# Exercise brief
Show all lines below holding the string "IFCRELAGGREGATES".

# Entries shown
☆ ☆ ☆ ☆

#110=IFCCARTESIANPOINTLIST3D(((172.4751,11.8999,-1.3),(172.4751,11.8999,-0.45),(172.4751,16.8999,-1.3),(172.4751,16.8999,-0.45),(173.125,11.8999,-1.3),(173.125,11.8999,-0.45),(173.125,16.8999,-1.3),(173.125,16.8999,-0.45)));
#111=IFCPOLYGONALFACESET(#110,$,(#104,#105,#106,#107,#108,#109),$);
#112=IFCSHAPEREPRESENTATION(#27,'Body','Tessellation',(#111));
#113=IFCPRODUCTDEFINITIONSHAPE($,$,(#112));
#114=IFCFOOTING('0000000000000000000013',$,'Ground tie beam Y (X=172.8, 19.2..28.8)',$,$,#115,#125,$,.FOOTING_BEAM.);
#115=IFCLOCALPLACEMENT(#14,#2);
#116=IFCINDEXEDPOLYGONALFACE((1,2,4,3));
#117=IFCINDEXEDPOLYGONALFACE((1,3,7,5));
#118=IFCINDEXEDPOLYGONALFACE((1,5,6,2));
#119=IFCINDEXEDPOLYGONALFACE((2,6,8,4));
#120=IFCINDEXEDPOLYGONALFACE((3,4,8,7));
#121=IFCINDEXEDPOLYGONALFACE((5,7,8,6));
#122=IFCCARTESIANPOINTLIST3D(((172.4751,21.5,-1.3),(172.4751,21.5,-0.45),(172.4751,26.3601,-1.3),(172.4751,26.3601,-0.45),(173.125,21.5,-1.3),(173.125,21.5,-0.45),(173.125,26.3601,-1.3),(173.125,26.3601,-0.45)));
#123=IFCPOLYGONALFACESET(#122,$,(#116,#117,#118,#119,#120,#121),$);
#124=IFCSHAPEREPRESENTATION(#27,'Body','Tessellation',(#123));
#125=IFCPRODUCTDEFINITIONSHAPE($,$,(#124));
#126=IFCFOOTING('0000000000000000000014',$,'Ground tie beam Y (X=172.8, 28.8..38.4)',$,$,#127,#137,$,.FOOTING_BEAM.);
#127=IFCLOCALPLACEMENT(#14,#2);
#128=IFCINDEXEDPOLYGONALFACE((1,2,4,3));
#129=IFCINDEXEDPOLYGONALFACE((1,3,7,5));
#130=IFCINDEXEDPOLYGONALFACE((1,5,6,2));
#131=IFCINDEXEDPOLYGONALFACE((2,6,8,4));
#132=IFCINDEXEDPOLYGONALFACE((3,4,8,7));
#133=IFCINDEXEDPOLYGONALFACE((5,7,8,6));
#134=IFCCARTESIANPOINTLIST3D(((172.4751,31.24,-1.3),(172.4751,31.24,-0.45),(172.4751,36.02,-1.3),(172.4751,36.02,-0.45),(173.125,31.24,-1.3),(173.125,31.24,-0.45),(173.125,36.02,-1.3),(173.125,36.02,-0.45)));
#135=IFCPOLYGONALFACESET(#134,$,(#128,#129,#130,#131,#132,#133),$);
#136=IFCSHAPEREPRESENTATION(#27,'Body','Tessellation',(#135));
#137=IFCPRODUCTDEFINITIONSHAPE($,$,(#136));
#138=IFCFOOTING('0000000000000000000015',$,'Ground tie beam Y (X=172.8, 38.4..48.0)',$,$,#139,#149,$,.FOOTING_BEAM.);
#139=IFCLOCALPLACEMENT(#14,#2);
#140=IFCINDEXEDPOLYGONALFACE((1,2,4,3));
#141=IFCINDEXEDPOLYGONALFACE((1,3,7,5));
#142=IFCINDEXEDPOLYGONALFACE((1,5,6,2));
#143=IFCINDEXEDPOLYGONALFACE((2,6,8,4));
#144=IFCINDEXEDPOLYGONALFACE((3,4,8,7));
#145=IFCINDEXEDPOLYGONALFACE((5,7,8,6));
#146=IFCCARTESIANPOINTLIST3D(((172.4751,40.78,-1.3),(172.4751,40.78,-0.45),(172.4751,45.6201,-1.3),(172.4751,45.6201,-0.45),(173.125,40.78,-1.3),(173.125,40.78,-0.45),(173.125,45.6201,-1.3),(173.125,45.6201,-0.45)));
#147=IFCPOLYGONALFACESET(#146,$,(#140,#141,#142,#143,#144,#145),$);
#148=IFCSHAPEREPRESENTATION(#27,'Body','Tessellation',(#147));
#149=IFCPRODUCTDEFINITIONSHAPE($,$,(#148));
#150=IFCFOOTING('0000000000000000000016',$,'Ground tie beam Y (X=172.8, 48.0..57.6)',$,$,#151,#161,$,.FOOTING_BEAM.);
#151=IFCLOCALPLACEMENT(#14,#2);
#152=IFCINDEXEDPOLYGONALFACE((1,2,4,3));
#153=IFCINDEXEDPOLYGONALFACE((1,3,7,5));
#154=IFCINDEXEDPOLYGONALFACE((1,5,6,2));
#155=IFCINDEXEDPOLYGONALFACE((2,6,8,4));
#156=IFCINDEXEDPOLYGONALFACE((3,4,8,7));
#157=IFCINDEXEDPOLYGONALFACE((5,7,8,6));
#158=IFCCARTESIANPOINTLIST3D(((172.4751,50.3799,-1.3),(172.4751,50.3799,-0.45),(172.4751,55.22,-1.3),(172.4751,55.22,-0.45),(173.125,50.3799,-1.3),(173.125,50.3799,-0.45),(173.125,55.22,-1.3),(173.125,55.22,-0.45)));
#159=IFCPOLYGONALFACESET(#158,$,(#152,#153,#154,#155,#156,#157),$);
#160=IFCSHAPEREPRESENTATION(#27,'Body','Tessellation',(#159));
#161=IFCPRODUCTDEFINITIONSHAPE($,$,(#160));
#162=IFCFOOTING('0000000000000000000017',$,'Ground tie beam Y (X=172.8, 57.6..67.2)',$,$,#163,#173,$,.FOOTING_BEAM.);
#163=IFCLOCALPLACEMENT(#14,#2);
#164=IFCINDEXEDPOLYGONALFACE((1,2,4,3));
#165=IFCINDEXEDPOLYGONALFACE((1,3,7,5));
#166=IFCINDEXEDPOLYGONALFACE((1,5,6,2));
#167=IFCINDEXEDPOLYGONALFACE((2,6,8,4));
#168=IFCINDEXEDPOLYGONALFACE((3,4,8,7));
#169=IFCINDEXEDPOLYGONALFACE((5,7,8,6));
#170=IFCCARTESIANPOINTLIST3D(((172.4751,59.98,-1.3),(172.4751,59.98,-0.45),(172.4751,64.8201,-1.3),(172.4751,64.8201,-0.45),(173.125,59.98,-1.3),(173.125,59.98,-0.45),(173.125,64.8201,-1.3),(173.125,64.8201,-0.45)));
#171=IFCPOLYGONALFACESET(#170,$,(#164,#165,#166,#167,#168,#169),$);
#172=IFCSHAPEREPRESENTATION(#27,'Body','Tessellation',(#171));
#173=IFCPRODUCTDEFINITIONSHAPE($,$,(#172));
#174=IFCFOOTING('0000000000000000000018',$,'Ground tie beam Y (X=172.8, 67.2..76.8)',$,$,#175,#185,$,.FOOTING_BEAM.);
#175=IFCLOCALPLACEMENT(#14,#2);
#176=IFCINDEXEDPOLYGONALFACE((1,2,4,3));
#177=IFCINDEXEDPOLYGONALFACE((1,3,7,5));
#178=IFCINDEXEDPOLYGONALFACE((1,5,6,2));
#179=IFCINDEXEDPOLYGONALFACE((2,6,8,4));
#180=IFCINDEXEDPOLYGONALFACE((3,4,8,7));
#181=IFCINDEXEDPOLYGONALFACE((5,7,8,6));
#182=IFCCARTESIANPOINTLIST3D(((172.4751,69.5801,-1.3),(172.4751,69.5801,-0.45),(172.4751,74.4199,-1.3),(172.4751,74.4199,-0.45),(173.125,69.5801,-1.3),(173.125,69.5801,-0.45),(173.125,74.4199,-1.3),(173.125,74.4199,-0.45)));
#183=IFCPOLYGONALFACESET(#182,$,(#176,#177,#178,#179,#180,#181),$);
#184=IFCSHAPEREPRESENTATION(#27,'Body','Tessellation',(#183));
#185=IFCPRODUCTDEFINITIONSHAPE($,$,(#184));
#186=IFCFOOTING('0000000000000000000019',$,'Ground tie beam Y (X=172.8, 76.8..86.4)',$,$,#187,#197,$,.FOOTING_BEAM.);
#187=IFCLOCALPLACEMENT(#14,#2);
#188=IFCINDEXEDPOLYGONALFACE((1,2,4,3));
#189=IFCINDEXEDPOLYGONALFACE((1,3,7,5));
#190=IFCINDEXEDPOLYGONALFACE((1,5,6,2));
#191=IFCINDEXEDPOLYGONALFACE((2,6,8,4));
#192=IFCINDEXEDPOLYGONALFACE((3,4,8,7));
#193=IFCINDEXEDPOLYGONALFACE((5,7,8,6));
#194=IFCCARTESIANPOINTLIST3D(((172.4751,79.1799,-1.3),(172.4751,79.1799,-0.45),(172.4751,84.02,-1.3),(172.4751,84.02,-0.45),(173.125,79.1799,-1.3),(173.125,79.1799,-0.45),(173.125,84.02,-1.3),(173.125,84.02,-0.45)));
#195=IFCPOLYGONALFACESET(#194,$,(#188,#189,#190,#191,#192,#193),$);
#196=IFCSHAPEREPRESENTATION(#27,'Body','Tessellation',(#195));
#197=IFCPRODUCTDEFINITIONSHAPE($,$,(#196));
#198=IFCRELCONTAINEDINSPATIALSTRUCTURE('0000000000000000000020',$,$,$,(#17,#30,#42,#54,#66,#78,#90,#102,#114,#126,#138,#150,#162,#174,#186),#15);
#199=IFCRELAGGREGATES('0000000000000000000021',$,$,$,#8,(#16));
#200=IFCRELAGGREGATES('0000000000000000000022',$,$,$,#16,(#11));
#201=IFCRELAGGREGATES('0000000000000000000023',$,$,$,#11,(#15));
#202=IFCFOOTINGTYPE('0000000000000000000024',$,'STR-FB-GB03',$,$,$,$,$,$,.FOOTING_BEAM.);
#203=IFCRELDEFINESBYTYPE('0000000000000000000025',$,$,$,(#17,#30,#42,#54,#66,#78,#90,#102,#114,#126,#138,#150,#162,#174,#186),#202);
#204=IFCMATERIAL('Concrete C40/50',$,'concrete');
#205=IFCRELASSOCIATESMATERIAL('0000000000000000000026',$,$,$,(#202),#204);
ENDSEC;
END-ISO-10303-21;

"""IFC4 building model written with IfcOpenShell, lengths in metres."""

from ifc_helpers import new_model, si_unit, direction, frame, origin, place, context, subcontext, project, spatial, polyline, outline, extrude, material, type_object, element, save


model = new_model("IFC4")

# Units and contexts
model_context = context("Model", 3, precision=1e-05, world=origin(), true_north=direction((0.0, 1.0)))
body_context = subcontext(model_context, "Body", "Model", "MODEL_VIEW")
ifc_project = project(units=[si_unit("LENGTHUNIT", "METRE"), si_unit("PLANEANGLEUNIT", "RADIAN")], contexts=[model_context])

☆ ☆ ☆ ☆

# Task solution
#199=IFCRELAGGREGATES('0000000000000000000021',$,$,$,#8,(#16));
#200=IFCRELAGGREGATES('0000000000000000000022',$,$,$,#16,(#11));
#201=IFCRELAGGREGATES('0000000000000000000023',$,$,$,#11,(#15));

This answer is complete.